PROBLEM DESCRIPTION ->
Could you set down every entry exactly as it appears?

DATA FOR THE TASK ->

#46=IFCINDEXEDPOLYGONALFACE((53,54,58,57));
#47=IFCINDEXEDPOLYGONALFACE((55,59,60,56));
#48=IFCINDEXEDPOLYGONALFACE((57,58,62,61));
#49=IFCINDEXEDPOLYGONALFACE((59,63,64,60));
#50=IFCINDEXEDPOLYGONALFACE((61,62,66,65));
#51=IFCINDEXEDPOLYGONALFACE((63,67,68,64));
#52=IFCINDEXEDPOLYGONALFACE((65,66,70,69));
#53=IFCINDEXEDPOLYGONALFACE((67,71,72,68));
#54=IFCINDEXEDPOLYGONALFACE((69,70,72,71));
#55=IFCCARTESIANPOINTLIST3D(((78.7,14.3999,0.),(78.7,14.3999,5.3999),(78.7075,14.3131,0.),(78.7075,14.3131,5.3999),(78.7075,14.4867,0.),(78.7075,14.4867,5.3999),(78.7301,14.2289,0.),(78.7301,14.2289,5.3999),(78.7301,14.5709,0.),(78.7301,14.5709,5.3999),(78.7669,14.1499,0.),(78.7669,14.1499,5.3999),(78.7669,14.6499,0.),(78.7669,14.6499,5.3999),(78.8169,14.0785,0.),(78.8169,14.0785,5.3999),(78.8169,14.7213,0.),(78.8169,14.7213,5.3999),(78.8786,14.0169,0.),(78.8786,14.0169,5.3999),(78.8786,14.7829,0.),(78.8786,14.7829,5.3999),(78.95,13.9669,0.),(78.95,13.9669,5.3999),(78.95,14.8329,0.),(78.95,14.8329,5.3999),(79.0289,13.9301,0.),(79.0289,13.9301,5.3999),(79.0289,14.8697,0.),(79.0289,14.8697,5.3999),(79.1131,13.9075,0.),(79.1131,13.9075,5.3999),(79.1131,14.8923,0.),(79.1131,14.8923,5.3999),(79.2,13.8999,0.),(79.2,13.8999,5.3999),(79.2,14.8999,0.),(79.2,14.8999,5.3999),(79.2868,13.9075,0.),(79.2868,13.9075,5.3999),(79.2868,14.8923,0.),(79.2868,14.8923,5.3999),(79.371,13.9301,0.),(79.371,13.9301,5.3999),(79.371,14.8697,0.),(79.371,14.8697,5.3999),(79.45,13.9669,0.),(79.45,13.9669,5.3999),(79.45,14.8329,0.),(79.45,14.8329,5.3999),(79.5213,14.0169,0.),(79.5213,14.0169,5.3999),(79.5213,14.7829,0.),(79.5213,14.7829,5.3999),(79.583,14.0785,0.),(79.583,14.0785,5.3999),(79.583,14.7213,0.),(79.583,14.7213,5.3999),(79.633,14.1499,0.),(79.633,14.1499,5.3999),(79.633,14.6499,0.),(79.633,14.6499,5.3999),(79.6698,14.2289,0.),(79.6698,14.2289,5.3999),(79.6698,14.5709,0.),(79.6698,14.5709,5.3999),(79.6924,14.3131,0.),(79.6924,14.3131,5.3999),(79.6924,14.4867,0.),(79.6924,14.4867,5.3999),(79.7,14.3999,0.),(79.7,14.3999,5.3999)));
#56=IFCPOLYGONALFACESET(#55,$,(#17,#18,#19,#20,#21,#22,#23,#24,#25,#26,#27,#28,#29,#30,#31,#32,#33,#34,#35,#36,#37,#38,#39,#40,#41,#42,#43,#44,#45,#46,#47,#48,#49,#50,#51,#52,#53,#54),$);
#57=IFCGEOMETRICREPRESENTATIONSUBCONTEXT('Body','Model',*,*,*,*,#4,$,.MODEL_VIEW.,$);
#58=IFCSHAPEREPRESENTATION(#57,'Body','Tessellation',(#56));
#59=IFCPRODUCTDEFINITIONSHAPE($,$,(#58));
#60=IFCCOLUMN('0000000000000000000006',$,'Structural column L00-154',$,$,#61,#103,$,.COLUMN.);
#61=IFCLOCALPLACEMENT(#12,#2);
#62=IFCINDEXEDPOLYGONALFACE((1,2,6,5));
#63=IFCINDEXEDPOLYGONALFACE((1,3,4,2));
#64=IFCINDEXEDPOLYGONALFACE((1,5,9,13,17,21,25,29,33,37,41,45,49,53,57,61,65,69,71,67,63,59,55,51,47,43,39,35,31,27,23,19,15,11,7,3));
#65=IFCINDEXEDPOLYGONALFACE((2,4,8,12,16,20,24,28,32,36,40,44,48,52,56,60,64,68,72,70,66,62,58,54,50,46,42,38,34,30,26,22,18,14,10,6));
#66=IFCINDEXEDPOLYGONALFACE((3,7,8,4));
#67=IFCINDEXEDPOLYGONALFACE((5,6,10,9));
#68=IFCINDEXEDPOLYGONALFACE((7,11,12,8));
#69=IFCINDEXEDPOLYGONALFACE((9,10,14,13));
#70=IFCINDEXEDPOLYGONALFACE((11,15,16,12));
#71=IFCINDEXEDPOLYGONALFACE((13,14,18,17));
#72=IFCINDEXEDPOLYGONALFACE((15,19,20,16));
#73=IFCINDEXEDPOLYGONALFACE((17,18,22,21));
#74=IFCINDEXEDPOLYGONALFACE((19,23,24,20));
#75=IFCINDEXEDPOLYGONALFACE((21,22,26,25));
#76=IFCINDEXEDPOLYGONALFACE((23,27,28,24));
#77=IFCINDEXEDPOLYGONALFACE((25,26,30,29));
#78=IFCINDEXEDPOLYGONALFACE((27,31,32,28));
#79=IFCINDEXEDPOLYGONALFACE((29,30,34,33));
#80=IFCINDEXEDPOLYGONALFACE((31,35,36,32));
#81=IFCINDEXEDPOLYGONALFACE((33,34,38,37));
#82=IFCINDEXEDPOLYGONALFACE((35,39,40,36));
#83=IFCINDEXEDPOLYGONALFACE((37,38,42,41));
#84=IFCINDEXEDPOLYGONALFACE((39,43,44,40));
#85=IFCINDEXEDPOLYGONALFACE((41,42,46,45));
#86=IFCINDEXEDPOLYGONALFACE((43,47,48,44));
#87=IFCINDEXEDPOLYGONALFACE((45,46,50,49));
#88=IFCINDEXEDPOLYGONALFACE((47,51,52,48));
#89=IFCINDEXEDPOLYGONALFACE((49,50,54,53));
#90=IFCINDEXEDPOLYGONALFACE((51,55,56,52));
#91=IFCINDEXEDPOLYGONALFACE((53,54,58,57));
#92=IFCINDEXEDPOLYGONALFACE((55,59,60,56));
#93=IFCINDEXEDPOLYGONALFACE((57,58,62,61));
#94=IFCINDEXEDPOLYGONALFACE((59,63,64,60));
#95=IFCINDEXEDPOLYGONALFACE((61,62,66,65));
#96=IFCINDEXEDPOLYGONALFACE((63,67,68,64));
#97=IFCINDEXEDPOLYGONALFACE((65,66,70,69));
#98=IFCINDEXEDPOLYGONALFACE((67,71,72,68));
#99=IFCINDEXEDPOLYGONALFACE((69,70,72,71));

ANSWER SPACE ->
#46=IFCINDEXEDPOLYGONALFACE((53,54,58,57));
#47=IFCINDEXEDPOLYGONALFACE((55,59,60,56));
#48=IFCINDEXEDPOLYGONALFACE((57,58,62,61));
#49=IFCINDEXEDPOLYGONALFACE((59,63,64,60));
#50=IFCINDEXEDPOLYGONALFACE((61,62,66,65));
#51=IFCINDEXEDPOLYGONALFACE((63,67,68,64));
#52=IFCINDEXEDPOLYGONALFACE((65,66,70,69));
#53=IFCINDEXEDPOLYGONALFACE((67,71,72,68));
#54=IFCINDEXEDPOLYGONALFACE((69,70,72,71));
#55=IFCCARTESIANPOINTLIST3D(((78.7,14.3999,0.),(78.7,14.3999,5.3999),(78.7075,14.3131,0.),(78.7075,14.3131,5.3999),(78.7075,14.4867,0.),(78.7075,14.4867,5.3999),(78.7301,14.2289,0.),(78.7301,14.2289,5.3999),(78.7301,14.5709,0.),(78.7301,14.5709,5.3999),(78.7669,14.1499,0.),(78.7669,14.1499,5.3999),(78.7669,14.6499,0.),(78.7669,14.6499,5.3999),(78.8169,14.0785,0.),(78.8169,14.0785,5.3999),(78.8169,14.7213,0.),(78.8169,14.7213,5.3999),(78.8786,14.0169,0.),(78.8786,14.0169,5.3999),(78.8786,14.7829,0.),(78.8786,14.7829,5.3999),(78.95,13.9669,0.),(78.95,13.9669,5.3999),(78.95,14.8329,0.),(78.95,14.8329,5.3999),(79.0289,13.9301,0.),(79.0289,13.9301,5.3999),(79.0289,14.8697,0.),(79.0289,14.8697,5.3999),(79.1131,13.9075,0.),(79.1131,13.9075,5.3999),(79.1131,14.8923,0.),(79.1131,14.8923,5.3999),(79.2,13.8999,0.),(79.2,13.8999,5.3999),(79.2,14.8999,0.),(79.2,14.8999,5.3999),(79.2868,13.9075,0.),(79.2868,13.9075,5.3999),(79.2868,14.8923,0.),(79.2868,14.8923,5.3999),(79.371,13.9301,0.),(79.371,13.9301,5.3999),(79.371,14.8697,0.),(79.371,14.8697,5.3999),(79.45,13.9669,0.),(79.45,13.9669,5.3999),(79.45,14.8329,0.),(79.45,14.8329,5.3999),(79.5213,14.0169,0.),(79.5213,14.0169,5.3999),(79.5213,14.7829,0.),(79.5213,14.7829,5.3999),(79.583,14.0785,0.),(79.583,14.0785,5.3999),(79.583,14.7213,0.),(79.583,14.7213,5.3999),(79.633,14.1499,0.),(79.633,14.1499,5.3999),(79.633,14.6499,0.),(79.633,14.6499,5.3999),(79.6698,14.2289,0.),(79.6698,14.2289,5.3999),(79.6698,14.5709,0.),(79.6698,14.5709,5.3999),(79.6924,14.3131,0.),(79.6924,14.3131,5.3999),(79.6924,14.4867,0.),(79.6924,14.4867,5.3999),(79.7,14.3999,0.),(79.7,14.3999,5.3999)));
#56=IFCPOLYGONALFACESET(#55,$,(#17,#18,#19,#20,#21,#22,#23,#24,#25,#26,#27,#28,#29,#30,#31,#32,#33,#34,#35,#36,#37,#38,#39,#40,#41,#42,#43,#44,#45,#46,#47,#48,#49,#50,#51,#52,#53,#54),$);
#57=IFCGEOMETRICREPRESENTATIONSUBCONTEXT('Body','Model',*,*,*,*,#4,$,.MODEL_VIEW.,$);
#58=IFCSHAPEREPRESENTATION(#57,'Body','Tessellation',(#56));
#59=IFCPRODUCTDEFINITIONSHAPE($,$,(#58));
#60=IFCCOLUMN('0000000000000000000006',$,'Structural column L00-154',$,$,#61,#103,$,.COLUMN.);
#61=IFCLOCALPLACEMENT(#12,#2);
#62=IFCINDEXEDPOLYGONALFACE((1,2,6,5));
#63=IFCINDEXEDPOLYGONALFACE((1,3,4,2));
#64=IFCINDEXEDPOLYGONALFACE((1,5,9,13,17,21,25,29,33,37,41,45,49,53,57,61,65,69,71,67,63,59,55,51,47,43,39,35,31,27,23,19,15,11,7,3));
#65=IFCINDEXEDPOLYGONALFACE((2,4,8,12,16,20,24,28,32,36,40,44,48,52,56,60,64,68,72,70,66,62,58,54,50,46,42,38,34,30,26,22,18,14,10,6));
#66=IFCINDEXEDPOLYGONALFACE((3,7,8,4));
#67=IFCINDEXEDPOLYGONALFACE((5,6,10,9));
#68=IFCINDEXEDPOLYGONALFACE((7,11,12,8));
#69=IFCINDEXEDPOLYGONALFACE((9,10,14,13));
#70=IFCINDEXEDPOLYGONALFACE((11,15,16,12));
#71=IFCINDEXEDPOLYGONALFACE((13,14,18,17));
#72=IFCINDEXEDPOLYGONALFACE((15,19,20,16));
#73=IFCINDEXEDPOLYGONALFACE((17,18,22,21));
#74=IFCINDEXEDPOLYGONALFACE((19,23,24,20));
#75=IFCINDEXEDPOLYGONALFACE((21,22,26,25));
#76=IFCINDEXEDPOLYGONALFACE((23,27,28,24));
#77=IFCINDEXEDPOLYGONALFACE((25,26,30,29));
#78=IFCINDEXEDPOLYGONALFACE((27,31,32,28));
#79=IFCINDEXEDPOLYGONALFACE((29,30,34,33));
#80=IFCINDEXEDPOLYGONALFACE((31,35,36,32));
#81=IFCINDEXEDPOLYGONALFACE((33,34,38,37));
#82=IFCINDEXEDPOLYGONALFACE((35,39,40,36));
#83=IFCINDEXEDPOLYGONALFACE((37,38,42,41));
#84=IFCINDEXEDPOLYGONALFACE((39,43,44,40));
#85=IFCINDEXEDPOLYGONALFACE((41,42,46,45));
#86=IFCINDEXEDPOLYGONALFACE((43,47,48,44));
#87=IFCINDEXEDPOLYGONALFACE((45,46,50,49));
#88=IFCINDEXEDPOLYGONALFACE((47,51,52,48));
#89=IFCINDEXEDPOLYGONALFACE((49,50,54,53));
#90=IFCINDEXEDPOLYGONALFACE((51,55,56,52));
#91=IFCINDEXEDPOLYGONALFACE((53,54,58,57));
#92=IFCINDEXEDPOLYGONALFACE((55,59,60,56));
#93=IFCINDEXEDPOLYGONALFACE((57,58,62,61));
#94=IFCINDEXEDPOLYGONALFACE((59,63,64,60));
#95=IFCINDEXEDPOLYGONALFACE((61,62,66,65));
#96=IFCINDEXEDPOLYGONALFACE((63,67,68,64));
#97=IFCINDEXEDPOLYGONALFACE((65,66,70,69));
#98=IFCINDEXEDPOLYGONALFACE((67,71,72,68));
#99=IFCINDEXEDPOLYGONALFACE((69,70,72,71));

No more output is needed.